* **Available records**
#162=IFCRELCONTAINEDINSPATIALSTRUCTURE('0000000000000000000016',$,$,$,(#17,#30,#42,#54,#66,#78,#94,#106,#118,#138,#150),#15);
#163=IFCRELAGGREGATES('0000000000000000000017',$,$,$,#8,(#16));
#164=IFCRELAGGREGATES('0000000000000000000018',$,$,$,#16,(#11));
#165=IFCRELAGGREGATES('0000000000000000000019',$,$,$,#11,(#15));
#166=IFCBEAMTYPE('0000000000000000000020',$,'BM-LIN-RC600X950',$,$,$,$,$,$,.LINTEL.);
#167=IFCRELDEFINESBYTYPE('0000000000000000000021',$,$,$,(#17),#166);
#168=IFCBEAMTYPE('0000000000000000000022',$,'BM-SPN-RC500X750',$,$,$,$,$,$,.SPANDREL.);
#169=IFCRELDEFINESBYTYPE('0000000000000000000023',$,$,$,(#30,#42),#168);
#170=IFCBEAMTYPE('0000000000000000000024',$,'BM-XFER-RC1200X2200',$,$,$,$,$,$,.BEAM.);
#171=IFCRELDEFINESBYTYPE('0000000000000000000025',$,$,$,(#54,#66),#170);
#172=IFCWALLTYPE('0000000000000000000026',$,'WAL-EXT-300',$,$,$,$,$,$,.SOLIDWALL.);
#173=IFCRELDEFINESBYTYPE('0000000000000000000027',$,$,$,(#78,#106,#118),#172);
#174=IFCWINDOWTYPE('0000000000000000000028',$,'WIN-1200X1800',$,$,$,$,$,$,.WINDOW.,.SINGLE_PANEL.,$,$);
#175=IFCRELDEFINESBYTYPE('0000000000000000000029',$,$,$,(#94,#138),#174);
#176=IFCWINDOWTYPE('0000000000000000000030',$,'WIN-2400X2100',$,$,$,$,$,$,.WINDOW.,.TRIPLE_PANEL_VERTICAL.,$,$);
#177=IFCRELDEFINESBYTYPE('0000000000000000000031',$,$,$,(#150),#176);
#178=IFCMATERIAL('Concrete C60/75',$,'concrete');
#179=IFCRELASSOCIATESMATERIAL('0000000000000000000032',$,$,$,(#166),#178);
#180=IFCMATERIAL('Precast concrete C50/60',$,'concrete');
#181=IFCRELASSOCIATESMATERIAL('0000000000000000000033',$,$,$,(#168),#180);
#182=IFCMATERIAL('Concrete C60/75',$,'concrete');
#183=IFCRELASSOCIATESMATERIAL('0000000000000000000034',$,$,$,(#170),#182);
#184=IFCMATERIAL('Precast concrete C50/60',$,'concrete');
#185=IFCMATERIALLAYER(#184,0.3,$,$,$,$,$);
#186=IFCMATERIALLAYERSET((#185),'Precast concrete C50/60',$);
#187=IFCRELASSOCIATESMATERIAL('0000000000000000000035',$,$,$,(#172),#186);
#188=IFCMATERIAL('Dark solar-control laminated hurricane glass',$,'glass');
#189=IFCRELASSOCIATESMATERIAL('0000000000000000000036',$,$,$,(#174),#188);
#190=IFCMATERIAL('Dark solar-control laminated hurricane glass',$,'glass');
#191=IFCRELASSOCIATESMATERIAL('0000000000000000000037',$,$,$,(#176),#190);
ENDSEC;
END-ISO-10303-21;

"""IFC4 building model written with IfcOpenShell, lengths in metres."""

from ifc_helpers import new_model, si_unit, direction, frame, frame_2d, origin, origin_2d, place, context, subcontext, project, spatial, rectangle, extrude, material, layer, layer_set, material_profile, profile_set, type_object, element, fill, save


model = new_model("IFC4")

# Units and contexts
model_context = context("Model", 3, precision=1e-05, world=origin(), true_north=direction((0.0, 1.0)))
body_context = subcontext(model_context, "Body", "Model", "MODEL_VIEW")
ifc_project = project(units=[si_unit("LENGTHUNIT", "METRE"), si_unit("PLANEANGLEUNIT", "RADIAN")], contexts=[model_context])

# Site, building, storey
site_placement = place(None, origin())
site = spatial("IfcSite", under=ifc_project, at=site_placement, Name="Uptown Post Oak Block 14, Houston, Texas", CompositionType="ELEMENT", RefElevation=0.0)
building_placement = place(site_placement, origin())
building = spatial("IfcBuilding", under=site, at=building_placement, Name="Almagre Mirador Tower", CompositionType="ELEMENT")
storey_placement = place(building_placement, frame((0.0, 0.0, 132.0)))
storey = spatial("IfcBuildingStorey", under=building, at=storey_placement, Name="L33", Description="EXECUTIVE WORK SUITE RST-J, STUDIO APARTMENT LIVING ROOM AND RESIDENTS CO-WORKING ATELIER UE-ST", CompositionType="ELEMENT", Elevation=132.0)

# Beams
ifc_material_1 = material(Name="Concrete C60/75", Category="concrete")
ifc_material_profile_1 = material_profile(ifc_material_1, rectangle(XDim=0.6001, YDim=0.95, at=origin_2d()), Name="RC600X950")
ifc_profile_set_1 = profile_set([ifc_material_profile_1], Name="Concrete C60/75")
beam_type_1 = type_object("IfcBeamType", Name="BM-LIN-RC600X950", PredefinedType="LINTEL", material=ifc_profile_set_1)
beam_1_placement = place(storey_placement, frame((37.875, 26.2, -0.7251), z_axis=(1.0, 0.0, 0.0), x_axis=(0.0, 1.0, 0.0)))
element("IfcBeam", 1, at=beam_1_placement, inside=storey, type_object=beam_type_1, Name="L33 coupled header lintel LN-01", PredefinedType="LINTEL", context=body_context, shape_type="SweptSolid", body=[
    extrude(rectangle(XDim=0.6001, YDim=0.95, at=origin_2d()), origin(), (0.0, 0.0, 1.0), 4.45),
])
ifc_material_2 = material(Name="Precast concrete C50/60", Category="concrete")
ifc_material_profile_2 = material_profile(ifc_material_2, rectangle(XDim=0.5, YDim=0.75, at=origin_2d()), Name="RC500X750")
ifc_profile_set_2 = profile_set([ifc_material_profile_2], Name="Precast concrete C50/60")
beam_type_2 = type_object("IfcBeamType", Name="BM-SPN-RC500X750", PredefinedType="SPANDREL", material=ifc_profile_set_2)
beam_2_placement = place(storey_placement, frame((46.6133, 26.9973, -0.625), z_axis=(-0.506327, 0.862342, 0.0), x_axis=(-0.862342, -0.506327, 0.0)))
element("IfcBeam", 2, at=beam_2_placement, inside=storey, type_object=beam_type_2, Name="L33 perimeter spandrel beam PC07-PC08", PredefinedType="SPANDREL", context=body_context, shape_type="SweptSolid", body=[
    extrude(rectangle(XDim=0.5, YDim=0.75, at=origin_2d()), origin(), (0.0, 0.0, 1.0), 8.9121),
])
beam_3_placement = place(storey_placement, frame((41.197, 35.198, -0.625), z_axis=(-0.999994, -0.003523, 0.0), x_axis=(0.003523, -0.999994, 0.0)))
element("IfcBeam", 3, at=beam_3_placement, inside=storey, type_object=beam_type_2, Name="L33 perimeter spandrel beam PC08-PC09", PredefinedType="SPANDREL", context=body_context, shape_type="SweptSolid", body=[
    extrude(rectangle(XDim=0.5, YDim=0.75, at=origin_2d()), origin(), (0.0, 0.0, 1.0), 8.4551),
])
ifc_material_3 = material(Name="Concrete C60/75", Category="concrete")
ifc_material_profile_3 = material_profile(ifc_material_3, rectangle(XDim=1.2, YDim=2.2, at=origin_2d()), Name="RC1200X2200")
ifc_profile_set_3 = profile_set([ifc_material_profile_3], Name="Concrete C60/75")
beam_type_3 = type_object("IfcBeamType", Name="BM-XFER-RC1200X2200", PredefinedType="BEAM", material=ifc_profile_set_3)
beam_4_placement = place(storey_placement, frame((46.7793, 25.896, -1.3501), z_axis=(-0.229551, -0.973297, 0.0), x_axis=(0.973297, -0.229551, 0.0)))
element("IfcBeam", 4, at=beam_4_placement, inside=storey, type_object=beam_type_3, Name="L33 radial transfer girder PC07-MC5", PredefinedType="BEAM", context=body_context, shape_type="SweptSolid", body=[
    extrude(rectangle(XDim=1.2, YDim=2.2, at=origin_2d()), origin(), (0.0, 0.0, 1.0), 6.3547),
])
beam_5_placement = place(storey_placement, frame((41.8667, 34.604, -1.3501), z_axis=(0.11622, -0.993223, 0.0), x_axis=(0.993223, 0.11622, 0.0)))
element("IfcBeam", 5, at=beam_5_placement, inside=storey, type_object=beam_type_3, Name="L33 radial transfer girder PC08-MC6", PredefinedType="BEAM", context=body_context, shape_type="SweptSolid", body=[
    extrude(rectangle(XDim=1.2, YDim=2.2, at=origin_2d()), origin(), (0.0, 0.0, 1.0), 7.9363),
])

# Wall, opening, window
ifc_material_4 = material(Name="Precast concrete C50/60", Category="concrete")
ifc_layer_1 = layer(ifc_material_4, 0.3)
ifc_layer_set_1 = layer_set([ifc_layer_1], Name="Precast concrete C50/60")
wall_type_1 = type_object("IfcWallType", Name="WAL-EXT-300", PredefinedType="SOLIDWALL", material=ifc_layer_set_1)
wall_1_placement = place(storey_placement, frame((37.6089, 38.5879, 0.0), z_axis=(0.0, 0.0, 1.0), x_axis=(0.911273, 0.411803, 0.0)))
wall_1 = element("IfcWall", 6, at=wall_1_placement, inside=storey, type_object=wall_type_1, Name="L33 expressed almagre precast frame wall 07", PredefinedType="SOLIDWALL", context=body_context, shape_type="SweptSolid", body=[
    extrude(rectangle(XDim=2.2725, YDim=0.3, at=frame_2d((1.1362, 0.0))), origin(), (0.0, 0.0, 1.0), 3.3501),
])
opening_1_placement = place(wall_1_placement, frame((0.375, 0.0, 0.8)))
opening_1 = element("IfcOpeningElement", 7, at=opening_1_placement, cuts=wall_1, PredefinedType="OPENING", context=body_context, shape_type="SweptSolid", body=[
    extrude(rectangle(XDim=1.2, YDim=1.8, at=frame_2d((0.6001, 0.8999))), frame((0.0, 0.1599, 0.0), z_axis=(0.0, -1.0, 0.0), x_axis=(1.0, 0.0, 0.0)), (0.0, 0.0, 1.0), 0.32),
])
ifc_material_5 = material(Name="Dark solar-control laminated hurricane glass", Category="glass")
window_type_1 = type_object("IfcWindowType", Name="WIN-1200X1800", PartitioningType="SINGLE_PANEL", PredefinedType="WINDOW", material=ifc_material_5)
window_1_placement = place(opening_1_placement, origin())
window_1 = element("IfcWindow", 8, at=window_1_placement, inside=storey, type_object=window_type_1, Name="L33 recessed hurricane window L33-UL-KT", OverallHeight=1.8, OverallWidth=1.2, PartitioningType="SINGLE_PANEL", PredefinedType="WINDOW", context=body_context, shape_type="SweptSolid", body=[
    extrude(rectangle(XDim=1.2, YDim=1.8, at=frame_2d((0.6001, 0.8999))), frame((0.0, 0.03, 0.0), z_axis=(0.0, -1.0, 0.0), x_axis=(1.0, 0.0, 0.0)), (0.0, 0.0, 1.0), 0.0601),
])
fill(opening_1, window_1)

* **Action item**
Your task is to reproduce, exactly and exclusively, the lines from the one holding "expressed almagre precast" through the final line of the listing.

* **Output of the exercise**
wall_1 = element("IfcWall", 6, at=wall_1_placement, inside=storey, type_object=wall_type_1, Name="L33 expressed almagre precast frame wall 07", PredefinedType="SOLIDWALL", context=body_context, shape_type="SweptSolid", body=[
    extrude(rectangle(XDim=2.2725, YDim=0.3, at=frame_2d((1.1362, 0.0))), origin(), (0.0, 0.0, 1.0), 3.3501),
])
opening_1_placement = place(wall_1_placement, frame((0.375, 0.0, 0.8)))
opening_1 = element("IfcOpeningElement", 7, at=opening_1_placement, cuts=wall_1, PredefinedType="OPENING", context=body_context, shape_type="SweptSolid", body=[
    extrude(rectangle(XDim=1.2, YDim=1.8, at=frame_2d((0.6001, 0.8999))), frame((0.0, 0.1599, 0.0), z_axis=(0.0, -1.0, 0.0), x_axis=(1.0, 0.0, 0.0)), (0.0, 0.0, 1.0), 0.32),
])
ifc_material_5 = material(Name="Dark solar-control laminated hurricane glass", Category="glass")
window_type_1 = type_object("IfcWindowType", Name="WIN-1200X1800", PartitioningType="SINGLE_PANEL", PredefinedType="WINDOW", material=ifc_material_5)
window_1_placement = place(opening_1_placement, origin())
window_1 = element("IfcWindow", 8, at=window_1_placement, inside=storey, type_object=window_type_1, Name="L33 recessed hurricane window L33-UL-KT", OverallHeight=1.8, OverallWidth=1.2, PartitioningType="SINGLE_PANEL", PredefinedType="WINDOW", context=body_context, shape_type="SweptSolid", body=[
    extrude(rectangle(XDim=1.2, YDim=1.8, at=frame_2d((0.6001, 0.8999))), frame((0.0, 0.03, 0.0), z_axis=(0.0, -1.0, 0.0), x_axis=(1.0, 0.0, 0.0)), (0.0, 0.0, 1.0), 0.0601),
])
fill(opening_1, window_1)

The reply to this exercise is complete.